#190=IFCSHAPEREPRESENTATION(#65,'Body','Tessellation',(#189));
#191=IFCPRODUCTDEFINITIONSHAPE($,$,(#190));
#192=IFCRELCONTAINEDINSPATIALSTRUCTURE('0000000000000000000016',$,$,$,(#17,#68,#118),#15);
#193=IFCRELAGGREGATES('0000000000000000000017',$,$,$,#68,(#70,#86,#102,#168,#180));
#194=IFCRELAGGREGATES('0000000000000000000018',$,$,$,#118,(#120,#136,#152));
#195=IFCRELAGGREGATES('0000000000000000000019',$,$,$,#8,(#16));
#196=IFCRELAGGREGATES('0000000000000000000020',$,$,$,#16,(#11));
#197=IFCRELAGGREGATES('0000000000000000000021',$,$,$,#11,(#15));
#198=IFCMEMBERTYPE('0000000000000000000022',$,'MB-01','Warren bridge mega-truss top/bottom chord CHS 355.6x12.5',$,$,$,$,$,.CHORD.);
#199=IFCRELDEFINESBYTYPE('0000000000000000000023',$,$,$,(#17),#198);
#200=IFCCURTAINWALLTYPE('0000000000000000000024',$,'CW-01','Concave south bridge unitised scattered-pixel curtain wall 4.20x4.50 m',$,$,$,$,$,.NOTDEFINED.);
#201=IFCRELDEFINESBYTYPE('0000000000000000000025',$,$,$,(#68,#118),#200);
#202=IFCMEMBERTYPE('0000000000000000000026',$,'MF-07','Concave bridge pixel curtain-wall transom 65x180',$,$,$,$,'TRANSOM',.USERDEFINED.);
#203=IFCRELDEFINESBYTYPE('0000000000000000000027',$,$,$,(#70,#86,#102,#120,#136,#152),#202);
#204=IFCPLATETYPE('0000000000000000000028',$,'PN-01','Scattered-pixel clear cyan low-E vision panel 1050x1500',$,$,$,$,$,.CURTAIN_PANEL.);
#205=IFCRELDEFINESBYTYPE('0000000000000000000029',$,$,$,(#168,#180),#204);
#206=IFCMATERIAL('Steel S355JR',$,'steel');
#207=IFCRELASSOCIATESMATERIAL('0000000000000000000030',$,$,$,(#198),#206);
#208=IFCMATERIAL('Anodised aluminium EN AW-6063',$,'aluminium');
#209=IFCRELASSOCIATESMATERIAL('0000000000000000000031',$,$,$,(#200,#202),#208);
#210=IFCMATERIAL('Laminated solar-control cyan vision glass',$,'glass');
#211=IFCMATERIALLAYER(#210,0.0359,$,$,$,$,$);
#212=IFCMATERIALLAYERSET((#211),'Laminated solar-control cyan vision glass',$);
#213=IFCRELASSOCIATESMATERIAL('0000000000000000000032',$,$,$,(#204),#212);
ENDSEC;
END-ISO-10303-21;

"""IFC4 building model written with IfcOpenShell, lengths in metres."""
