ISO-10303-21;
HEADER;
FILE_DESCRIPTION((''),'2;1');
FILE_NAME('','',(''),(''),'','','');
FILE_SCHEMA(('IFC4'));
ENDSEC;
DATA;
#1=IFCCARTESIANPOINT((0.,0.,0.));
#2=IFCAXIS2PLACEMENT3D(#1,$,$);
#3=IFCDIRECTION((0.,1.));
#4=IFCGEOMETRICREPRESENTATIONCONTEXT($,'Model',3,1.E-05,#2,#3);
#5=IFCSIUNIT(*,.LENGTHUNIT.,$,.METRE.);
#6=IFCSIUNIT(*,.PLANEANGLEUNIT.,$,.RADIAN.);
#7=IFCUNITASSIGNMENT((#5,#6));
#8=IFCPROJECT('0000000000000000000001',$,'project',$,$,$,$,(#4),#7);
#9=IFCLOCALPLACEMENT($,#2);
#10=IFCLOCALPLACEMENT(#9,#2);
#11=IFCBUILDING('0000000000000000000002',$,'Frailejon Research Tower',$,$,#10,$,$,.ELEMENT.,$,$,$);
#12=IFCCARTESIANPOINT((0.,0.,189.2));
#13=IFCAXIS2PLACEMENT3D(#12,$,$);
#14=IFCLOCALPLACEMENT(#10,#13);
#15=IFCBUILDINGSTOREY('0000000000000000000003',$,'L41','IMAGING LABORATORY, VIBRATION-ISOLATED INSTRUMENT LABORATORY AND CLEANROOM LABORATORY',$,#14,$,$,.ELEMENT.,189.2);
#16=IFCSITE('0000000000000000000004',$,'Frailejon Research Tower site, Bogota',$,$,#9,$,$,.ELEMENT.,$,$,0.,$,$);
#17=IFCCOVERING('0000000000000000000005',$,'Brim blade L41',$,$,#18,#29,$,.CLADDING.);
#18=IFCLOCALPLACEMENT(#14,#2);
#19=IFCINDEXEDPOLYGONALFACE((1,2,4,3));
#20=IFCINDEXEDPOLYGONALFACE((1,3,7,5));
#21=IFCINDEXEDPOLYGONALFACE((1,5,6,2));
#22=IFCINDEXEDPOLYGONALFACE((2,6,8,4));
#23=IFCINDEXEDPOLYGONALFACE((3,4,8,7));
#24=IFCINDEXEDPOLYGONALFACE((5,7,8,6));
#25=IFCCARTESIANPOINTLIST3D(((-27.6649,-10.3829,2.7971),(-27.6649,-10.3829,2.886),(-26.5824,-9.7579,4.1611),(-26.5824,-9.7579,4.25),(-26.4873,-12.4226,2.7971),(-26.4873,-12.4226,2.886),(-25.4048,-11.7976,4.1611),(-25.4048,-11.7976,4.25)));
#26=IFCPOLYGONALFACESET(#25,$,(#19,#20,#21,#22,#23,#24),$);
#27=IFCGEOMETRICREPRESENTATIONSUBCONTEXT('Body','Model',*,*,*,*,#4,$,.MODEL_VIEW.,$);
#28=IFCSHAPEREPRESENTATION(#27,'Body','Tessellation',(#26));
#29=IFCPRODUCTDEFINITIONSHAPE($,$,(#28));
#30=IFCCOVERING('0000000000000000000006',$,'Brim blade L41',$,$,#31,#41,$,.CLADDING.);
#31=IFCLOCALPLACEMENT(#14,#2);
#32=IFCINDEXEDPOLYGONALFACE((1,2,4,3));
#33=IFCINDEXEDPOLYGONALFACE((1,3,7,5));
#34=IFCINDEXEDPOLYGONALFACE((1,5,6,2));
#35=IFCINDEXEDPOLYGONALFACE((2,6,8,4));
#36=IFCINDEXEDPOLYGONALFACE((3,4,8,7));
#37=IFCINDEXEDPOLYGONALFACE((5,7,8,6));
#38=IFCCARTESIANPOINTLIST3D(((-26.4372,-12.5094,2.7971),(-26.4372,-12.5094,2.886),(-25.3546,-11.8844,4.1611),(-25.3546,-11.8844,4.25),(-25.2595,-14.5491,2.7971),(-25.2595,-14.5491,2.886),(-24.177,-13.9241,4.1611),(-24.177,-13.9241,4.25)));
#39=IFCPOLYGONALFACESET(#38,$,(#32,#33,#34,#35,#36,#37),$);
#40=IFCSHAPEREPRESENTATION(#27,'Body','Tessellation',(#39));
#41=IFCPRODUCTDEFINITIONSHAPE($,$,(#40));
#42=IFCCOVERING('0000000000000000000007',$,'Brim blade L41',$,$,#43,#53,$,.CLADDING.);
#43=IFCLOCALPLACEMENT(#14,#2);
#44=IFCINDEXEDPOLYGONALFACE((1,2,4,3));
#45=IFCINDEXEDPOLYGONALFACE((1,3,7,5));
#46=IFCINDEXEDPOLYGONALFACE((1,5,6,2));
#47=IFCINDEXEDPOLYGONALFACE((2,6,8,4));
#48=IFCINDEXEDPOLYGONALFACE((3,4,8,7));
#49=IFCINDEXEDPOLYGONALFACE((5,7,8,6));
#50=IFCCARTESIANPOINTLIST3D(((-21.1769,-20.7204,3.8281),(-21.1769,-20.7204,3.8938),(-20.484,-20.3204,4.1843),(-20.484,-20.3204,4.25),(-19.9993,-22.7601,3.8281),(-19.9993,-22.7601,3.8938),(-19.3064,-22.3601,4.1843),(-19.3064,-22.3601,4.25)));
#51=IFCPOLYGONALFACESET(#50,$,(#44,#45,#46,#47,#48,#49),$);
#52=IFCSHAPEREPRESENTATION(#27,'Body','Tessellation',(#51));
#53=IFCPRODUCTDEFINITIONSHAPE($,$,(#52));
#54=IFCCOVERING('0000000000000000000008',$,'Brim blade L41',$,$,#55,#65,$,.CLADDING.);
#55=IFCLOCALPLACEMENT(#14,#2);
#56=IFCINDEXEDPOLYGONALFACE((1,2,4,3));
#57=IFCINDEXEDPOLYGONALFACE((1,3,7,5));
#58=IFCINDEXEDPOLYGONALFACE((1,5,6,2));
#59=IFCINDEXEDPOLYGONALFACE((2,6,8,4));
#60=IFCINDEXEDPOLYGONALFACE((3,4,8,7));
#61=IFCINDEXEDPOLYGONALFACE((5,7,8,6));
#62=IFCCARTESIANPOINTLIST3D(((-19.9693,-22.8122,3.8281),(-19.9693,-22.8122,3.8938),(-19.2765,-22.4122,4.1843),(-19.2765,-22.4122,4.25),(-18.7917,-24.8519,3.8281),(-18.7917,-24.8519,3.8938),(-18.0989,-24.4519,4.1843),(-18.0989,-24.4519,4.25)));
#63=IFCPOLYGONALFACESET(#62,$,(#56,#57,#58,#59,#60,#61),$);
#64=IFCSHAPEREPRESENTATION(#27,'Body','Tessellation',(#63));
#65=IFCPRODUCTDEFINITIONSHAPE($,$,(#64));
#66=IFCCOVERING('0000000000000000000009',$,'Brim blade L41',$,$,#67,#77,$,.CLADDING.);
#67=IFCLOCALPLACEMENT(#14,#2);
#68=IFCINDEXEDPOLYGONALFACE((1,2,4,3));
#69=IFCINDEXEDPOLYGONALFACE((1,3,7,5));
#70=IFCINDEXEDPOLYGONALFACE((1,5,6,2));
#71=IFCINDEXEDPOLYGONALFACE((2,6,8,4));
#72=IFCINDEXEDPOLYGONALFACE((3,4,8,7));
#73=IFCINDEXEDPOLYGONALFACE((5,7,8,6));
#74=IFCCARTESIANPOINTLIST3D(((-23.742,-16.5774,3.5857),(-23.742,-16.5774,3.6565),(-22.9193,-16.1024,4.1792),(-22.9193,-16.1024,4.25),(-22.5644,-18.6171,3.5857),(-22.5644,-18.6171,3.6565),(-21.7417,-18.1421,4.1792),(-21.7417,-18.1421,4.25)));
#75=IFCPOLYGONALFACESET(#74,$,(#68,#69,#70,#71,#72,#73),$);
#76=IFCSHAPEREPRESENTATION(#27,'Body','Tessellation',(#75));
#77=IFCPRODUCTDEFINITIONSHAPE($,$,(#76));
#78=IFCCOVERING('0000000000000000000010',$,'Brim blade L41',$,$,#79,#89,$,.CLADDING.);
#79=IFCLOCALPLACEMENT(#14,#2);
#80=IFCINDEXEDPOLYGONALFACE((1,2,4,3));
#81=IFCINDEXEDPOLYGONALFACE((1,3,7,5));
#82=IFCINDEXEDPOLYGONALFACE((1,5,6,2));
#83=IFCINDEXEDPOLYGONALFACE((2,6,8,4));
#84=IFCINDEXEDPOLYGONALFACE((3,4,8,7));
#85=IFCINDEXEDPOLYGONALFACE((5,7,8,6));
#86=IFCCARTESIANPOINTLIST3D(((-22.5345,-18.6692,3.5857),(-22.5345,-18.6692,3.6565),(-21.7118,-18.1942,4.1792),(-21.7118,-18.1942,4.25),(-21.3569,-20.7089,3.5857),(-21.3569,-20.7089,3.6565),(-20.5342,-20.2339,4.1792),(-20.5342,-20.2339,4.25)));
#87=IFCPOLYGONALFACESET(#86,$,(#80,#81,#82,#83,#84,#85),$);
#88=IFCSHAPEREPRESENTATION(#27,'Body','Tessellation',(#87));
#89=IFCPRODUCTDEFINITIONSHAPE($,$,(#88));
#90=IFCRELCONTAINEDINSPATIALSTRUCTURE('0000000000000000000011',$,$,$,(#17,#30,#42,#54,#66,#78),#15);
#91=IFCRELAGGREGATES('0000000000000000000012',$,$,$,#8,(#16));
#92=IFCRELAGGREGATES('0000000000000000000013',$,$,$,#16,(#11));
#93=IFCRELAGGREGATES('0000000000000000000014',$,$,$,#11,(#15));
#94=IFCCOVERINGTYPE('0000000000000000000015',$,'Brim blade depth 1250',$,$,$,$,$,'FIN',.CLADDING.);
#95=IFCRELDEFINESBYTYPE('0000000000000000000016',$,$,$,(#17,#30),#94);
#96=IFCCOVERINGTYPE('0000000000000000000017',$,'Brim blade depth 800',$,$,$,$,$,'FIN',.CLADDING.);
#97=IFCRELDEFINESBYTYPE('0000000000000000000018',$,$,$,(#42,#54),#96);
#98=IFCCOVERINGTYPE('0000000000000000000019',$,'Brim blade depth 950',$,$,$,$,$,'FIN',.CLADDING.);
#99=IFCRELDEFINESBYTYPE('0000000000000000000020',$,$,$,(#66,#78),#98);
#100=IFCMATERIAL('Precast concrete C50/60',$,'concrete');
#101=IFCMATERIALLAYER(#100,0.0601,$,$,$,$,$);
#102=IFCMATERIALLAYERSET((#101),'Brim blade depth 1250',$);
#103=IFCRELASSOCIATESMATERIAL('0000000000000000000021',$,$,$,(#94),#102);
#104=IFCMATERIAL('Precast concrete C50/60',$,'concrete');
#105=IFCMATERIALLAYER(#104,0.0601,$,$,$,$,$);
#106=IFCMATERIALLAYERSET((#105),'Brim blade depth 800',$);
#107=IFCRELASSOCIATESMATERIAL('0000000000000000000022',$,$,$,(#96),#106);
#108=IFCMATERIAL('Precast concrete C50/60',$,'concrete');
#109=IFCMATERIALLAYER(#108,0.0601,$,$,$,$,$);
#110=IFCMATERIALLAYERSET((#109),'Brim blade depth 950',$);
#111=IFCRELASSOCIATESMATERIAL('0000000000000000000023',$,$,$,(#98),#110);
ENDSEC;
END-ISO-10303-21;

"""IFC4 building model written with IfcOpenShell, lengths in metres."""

from ifc_helpers import new_model, si_unit, direction, frame, origin, place, context, subcontext, project, spatial, polyline, outline, extrude, material, layer, layer_set, type_object, element, save


model = new_model("IFC4")

# Units and contexts
model_context = context("Model", 3, precision=1e-05, world=origin(), true_north=direction((0.0, 1.0)))
body_context = subcontext(model_context, "Body", "Model", "MODEL_VIEW")
ifc_project = project(units=[si_unit("LENGTHUNIT", "METRE"), si_unit("PLANEANGLEUNIT", "RADIAN")], contexts=[model_context])

# Site, building, storey
site_placement = place(None, origin())
site = spatial("IfcSite", under=ifc_project, at=site_placement, Name="Frailejon Research Tower site, Bogota", CompositionType="ELEMENT", RefElevation=0.0)
building_placement = place(site_placement, origin())
building = spatial("IfcBuilding", under=site, at=building_placement, Name="Frailejon Research Tower", CompositionType="ELEMENT")
storey_placement = place(building_placement, frame((0.0, 0.0, 189.2)))
storey = spatial("IfcBuildingStorey", under=building, at=storey_placement, Name="L41", Description="IMAGING LABORATORY, VIBRATION-ISOLATED INSTRUMENT LABORATORY AND CLEANROOM LABORATORY", CompositionType="ELEMENT", Elevation=189.2)

# Coverings
ifc_material_1 = material(Name="Precast concrete C50/60", Category="concrete")
ifc_layer_1 = layer(ifc_material_1, 0.0601)
ifc_layer_set_1 = layer_set([ifc_layer_1], Name="Brim blade depth 1250")
covering_type_1 = type_object("IfcCoveringType", Name="Brim blade depth 1250", ElementType="FIN", PredefinedType="CLADDING", material=ifc_layer_set_1)
for number, where, z_axis, x_axis, name in (
    (1, (-25.4048, -11.7976, 4.25), (-0.499997, 0.866027, 0.0), (-0.866027, -0.499997, 0.0), "Brim blade L41"),
    (2, (-24.177, -13.9241, 4.25), (-0.500006, 0.866022, 0.0), (-0.866022, -0.500006, 0.0), "Brim blade L41"),
):
    element("IfcCovering", number, at=place(storey_placement, frame(where, z_axis=z_axis, x_axis=x_axis)), inside=storey, type_object=covering_type_1, Name=name, PredefinedType="CLADDING", context=body_context, shape_type="SweptSolid", body=[
        extrude(outline(polyline([(0.0, -0.0889), (1.25, -1.4529), (1.25, -1.364), (0.0, 0.0), (0.0, -0.0889)])), origin(), (0.0, 0.0, 1.0), 2.3552),
    ])
ifc_material_2 = material(Name="Precast concrete C50/60", Category="concrete")
ifc_layer_2 = layer(ifc_material_2, 0.0601)
ifc_layer_set_2 = layer_set([ifc_layer_2], Name="Brim blade depth 800")
covering_type_2 = type_object("IfcCoveringType", Name="Brim blade depth 800", ElementType="FIN", PredefinedType="CLADDING", material=ifc_layer_set_2)
for number, where, z_axis, x_axis, name in (
    (3, (-19.3064, -22.3601, 4.25), (-0.499997, 0.866027, 0.0), (-0.866027, -0.499997, 0.0), "Brim blade L41"),
    (4, (-18.0989, -24.4519, 4.25), (-0.499997, 0.866027, 0.0), (-0.866027, -0.499997, 0.0), "Brim blade L41"),
):
    element("IfcCovering", number, at=place(storey_placement, frame(where, z_axis=z_axis, x_axis=x_axis)), inside=storey, type_object=covering_type_2, Name=name, PredefinedType="CLADDING", context=body_context, shape_type="SweptSolid", body=[
        extrude(outline(polyline([(0.0, -0.0657), (0.8, -0.4219), (0.8, -0.3562), (0.0, 0.0), (0.0, -0.0657)])), origin(), (0.0, 0.0, 1.0), 2.3552),
    ])
ifc_material_3 = material(Name="Precast concrete C50/60", Category="concrete")
ifc_layer_3 = layer(ifc_material_3, 0.0601)
ifc_layer_set_3 = layer_set([ifc_layer_3], Name="Brim blade depth 950")
covering_type_3 = type_object("IfcCoveringType", Name="Brim blade depth 950", ElementType="FIN", PredefinedType="CLADDING", material=ifc_layer_set_3)
for number, where, z_axis, x_axis, name in (
    (5, (-21.7417, -18.1421, 4.25), (-0.499997, 0.866027, 0.0), (-0.866027, -0.499997, 0.0), "Brim blade L41"),
    (6, (-20.5342, -20.2339, 4.25), (-0.499997, 0.866027, 0.0), (-0.866027, -0.499997, 0.0), "Brim blade L41"),
):
    element("IfcCovering", number, at=place(storey_placement, frame(where, z_axis=z_axis, x_axis=x_axis)), inside=storey, type_object=covering_type_3, Name=name, PredefinedType="CLADDING", context=body_context, shape_type="SweptSolid", body=[
        extrude(outline(polyline([(0.0, -0.0708), (0.95, -0.6643), (0.95, -0.5935), (0.0, 0.0), (0.0, -0.0708)])), origin(), (0.0, 0.0, 1.0), 2.3552),
    ])

save(model, "model.ifc")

........

## Task instructions
An exact, complete copy of the lines above from the one with "#28=IFCSHAPEREPRESENTATION(#27,'Body','Tessellation',(#26));" through the one with "#32=IFCINDEXEDPOLYGONALFACE((1,2,4,3));" is the whole answer.

## Answer to this problem
#28=IFCSHAPEREPRESENTATION(#27,'Body','Tessellation',(#26));
#29=IFCPRODUCTDEFINITIONSHAPE($,$,(#28));
#30=IFCCOVERING('0000000000000000000006',$,'Brim blade L41',$,$,#31,#41,$,.CLADDING.);
#31=IFCLOCALPLACEMENT(#14,#2);
#32=IFCINDEXEDPOLYGONALFACE((1,2,4,3));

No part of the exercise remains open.